■ Problem description ■
Start to finish, reproduce the records below with nothing missing.

____

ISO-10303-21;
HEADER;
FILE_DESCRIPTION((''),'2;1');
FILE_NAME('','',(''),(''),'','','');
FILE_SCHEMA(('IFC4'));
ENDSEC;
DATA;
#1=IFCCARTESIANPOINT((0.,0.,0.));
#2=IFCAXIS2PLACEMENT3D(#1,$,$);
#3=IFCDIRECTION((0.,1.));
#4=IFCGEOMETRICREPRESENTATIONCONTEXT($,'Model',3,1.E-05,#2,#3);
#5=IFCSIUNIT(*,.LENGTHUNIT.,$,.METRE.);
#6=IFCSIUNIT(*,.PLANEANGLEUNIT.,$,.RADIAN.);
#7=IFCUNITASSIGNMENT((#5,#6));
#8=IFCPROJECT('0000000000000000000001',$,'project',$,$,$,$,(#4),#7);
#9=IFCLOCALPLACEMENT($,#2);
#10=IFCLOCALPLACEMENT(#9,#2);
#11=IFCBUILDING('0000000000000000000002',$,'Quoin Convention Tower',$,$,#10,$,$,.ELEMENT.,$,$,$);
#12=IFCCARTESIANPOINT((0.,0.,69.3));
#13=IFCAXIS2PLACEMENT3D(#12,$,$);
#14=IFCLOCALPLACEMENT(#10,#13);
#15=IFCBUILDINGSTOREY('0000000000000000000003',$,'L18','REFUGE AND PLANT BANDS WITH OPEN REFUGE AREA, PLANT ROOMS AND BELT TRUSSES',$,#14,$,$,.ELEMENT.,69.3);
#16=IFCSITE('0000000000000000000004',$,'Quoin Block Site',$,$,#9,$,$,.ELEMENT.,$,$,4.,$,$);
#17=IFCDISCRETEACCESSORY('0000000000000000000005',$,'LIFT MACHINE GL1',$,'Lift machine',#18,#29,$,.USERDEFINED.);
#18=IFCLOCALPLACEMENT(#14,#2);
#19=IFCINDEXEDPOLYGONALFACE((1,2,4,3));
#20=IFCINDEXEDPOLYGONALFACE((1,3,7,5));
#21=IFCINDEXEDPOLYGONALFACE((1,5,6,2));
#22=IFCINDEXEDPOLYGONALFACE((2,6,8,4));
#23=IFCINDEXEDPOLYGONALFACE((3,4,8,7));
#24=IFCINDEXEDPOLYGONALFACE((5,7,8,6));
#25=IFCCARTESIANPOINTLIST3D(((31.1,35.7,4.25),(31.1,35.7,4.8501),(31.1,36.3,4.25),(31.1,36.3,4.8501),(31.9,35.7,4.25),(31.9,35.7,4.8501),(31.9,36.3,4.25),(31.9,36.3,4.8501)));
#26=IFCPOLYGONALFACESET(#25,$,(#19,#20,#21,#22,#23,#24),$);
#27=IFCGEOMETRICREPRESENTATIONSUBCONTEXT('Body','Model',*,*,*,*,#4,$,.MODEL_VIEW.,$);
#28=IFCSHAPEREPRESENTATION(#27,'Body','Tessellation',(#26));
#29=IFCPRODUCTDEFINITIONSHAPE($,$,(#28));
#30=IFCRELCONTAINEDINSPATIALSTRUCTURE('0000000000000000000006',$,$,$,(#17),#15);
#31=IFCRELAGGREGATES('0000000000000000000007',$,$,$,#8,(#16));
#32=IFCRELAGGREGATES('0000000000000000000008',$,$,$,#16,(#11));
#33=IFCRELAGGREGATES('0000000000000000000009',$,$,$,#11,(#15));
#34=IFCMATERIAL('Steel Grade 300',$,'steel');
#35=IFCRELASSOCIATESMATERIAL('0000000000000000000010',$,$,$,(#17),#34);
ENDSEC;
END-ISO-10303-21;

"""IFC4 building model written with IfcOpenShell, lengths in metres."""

from ifc_helpers import new_model, si_unit, direction, frame, origin, origin_2d, place, context, subcontext, project, spatial, rectangle, extrude, material, element, save


model = new_model("IFC4")

# Units and contexts
model_context = context("Model", 3, precision=1e-05, world=origin(), true_north=direction((0.0, 1.0)))
body_context = subcontext(model_context, "Body", "Model", "MODEL_VIEW")
ifc_project = project(units=[si_unit("LENGTHUNIT", "METRE"), si_unit("PLANEANGLEUNIT", "RADIAN")], contexts=[model_context])

# Site, building, storey
site_placement = place(None, origin())
site = spatial("IfcSite", under=ifc_project, at=site_placement, Name="Quoin Block Site", CompositionType="ELEMENT", RefElevation=4.0)
building_placement = place(site_placement, origin())
building = spatial("IfcBuilding", under=site, at=building_placement, Name="Quoin Convention Tower", CompositionType="ELEMENT")
storey_placement = place(building_placement, frame((0.0, 0.0, 69.3)))
storey = spatial("IfcBuildingStorey", under=building, at=storey_placement, Name="L18", Description="REFUGE AND PLANT BANDS WITH OPEN REFUGE AREA, PLANT ROOMS AND BELT TRUSSES", CompositionType="ELEMENT", Elevation=69.3)

# Shared definitions
ifc_material_1 = material(Name="Steel Grade 300", Category="steel")

# Discrete accessory
discrete_accessory_placement = place(storey_placement, frame((31.5, 36.0, 4.25), z_axis=(0.0, 0.0, 1.0), x_axis=(1.0, 0.0, 0.0)))
element("IfcDiscreteAccessory", 1, at=discrete_accessory_placement, inside=storey, material=ifc_material_1, Name="LIFT MACHINE GL1", ObjectType="Lift machine", PredefinedType="USERDEFINED", context=body_context, shape_type="SweptSolid", body=[
    extrude(rectangle(XDim=0.8, YDim=0.6001, at=origin_2d()), origin(), (0.0, 0.0, 1.0), 0.6001),
])

save(model, "model.ifc")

____

■ Solution for this task ■
ISO-10303-21;
HEADER;
FILE_DESCRIPTION((''),'2;1');
FILE_NAME('','',(''),(''),'','','');
FILE_SCHEMA(('IFC4'));
ENDSEC;
DATA;
#1=IFCCARTESIANPOINT((0.,0.,0.));
#2=IFCAXIS2PLACEMENT3D(#1,$,$);
#3=IFCDIRECTION((0.,1.));
#4=IFCGEOMETRICREPRESENTATIONCONTEXT($,'Model',3,1.E-05,#2,#3);
#5=IFCSIUNIT(*,.LENGTHUNIT.,$,.METRE.);
#6=IFCSIUNIT(*,.PLANEANGLEUNIT.,$,.RADIAN.);
#7=IFCUNITASSIGNMENT((#5,#6));
#8=IFCPROJECT('0000000000000000000001',$,'project',$,$,$,$,(#4),#7);
#9=IFCLOCALPLACEMENT($,#2);
#10=IFCLOCALPLACEMENT(#9,#2);
#11=IFCBUILDING('0000000000000000000002',$,'Quoin Convention Tower',$,$,#10,$,$,.ELEMENT.,$,$,$);
#12=IFCCARTESIANPOINT((0.,0.,69.3));
#13=IFCAXIS2PLACEMENT3D(#12,$,$);
#14=IFCLOCALPLACEMENT(#10,#13);
#15=IFCBUILDINGSTOREY('0000000000000000000003',$,'L18','REFUGE AND PLANT BANDS WITH OPEN REFUGE AREA, PLANT ROOMS AND BELT TRUSSES',$,#14,$,$,.ELEMENT.,69.3);
#16=IFCSITE('0000000000000000000004',$,'Quoin Block Site',$,$,#9,$,$,.ELEMENT.,$,$,4.,$,$);
#17=IFCDISCRETEACCESSORY('0000000000000000000005',$,'LIFT MACHINE GL1',$,'Lift machine',#18,#29,$,.USERDEFINED.);
#18=IFCLOCALPLACEMENT(#14,#2);
#19=IFCINDEXEDPOLYGONALFACE((1,2,4,3));
#20=IFCINDEXEDPOLYGONALFACE((1,3,7,5));
#21=IFCINDEXEDPOLYGONALFACE((1,5,6,2));
#22=IFCINDEXEDPOLYGONALFACE((2,6,8,4));
#23=IFCINDEXEDPOLYGONALFACE((3,4,8,7));
#24=IFCINDEXEDPOLYGONALFACE((5,7,8,6));
#25=IFCCARTESIANPOINTLIST3D(((31.1,35.7,4.25),(31.1,35.7,4.8501),(31.1,36.3,4.25),(31.1,36.3,4.8501),(31.9,35.7,4.25),(31.9,35.7,4.8501),(31.9,36.3,4.25),(31.9,36.3,4.8501)));
#26=IFCPOLYGONALFACESET(#25,$,(#19,#20,#21,#22,#23,#24),$);
#27=IFCGEOMETRICREPRESENTATIONSUBCONTEXT('Body','Model',*,*,*,*,#4,$,.MODEL_VIEW.,$);
#28=IFCSHAPEREPRESENTATION(#27,'Body','Tessellation',(#26));
#29=IFCPRODUCTDEFINITIONSHAPE($,$,(#28));
#30=IFCRELCONTAINEDINSPATIALSTRUCTURE('0000000000000000000006',$,$,$,(#17),#15);
#31=IFCRELAGGREGATES('0000000000000000000007',$,$,$,#8,(#16));
#32=IFCRELAGGREGATES('0000000000000000000008',$,$,$,#16,(#11));
#33=IFCRELAGGREGATES('0000000000000000000009',$,$,$,#11,(#15));
#34=IFCMATERIAL('Steel Grade 300',$,'steel');
#35=IFCRELASSOCIATESMATERIAL('0000000000000000000010',$,$,$,(#17),#34);
ENDSEC;
END-ISO-10303-21;

"""IFC4 building model written with IfcOpenShell, lengths in metres."""

from ifc_helpers import new_model, si_unit, direction, frame, origin, origin_2d, place, context, subcontext, project, spatial, rectangle, extrude, material, element, save


model = new_model("IFC4")

# Units and contexts
model_context = context("Model", 3, precision=1e-05, world=origin(), true_north=direction((0.0, 1.0)))
body_context = subcontext(model_context, "Body", "Model", "MODEL_VIEW")
ifc_project = project(units=[si_unit("LENGTHUNIT", "METRE"), si_unit("PLANEANGLEUNIT", "RADIAN")], contexts=[model_context])

# Site, building, storey
site_placement = place(None, origin())
site = spatial("IfcSite", under=ifc_project, at=site_placement, Name="Quoin Block Site", CompositionType="ELEMENT", RefElevation=4.0)
building_placement = place(site_placement, origin())
building = spatial("IfcBuilding", under=site, at=building_placement, Name="Quoin Convention Tower", CompositionType="ELEMENT")
storey_placement = place(building_placement, frame((0.0, 0.0, 69.3)))
storey = spatial("IfcBuildingStorey", under=building, at=storey_placement, Name="L18", Description="REFUGE AND PLANT BANDS WITH OPEN REFUGE AREA, PLANT ROOMS AND BELT TRUSSES", CompositionType="ELEMENT", Elevation=69.3)

# Shared definitions
ifc_material_1 = material(Name="Steel Grade 300", Category="steel")

# Discrete accessory
discrete_accessory_placement = place(storey_placement, frame((31.5, 36.0, 4.25), z_axis=(0.0, 0.0, 1.0), x_axis=(1.0, 0.0, 0.0)))
element("IfcDiscreteAccessory", 1, at=discrete_accessory_placement, inside=storey, material=ifc_material_1, Name="LIFT MACHINE GL1", ObjectType="Lift machine", PredefinedType="USERDEFINED", context=body_context, shape_type="SweptSolid", body=[
    extrude(rectangle(XDim=0.8, YDim=0.6001, at=origin_2d()), origin(), (0.0, 0.0, 1.0), 0.6001),
])

save(model, "model.ifc")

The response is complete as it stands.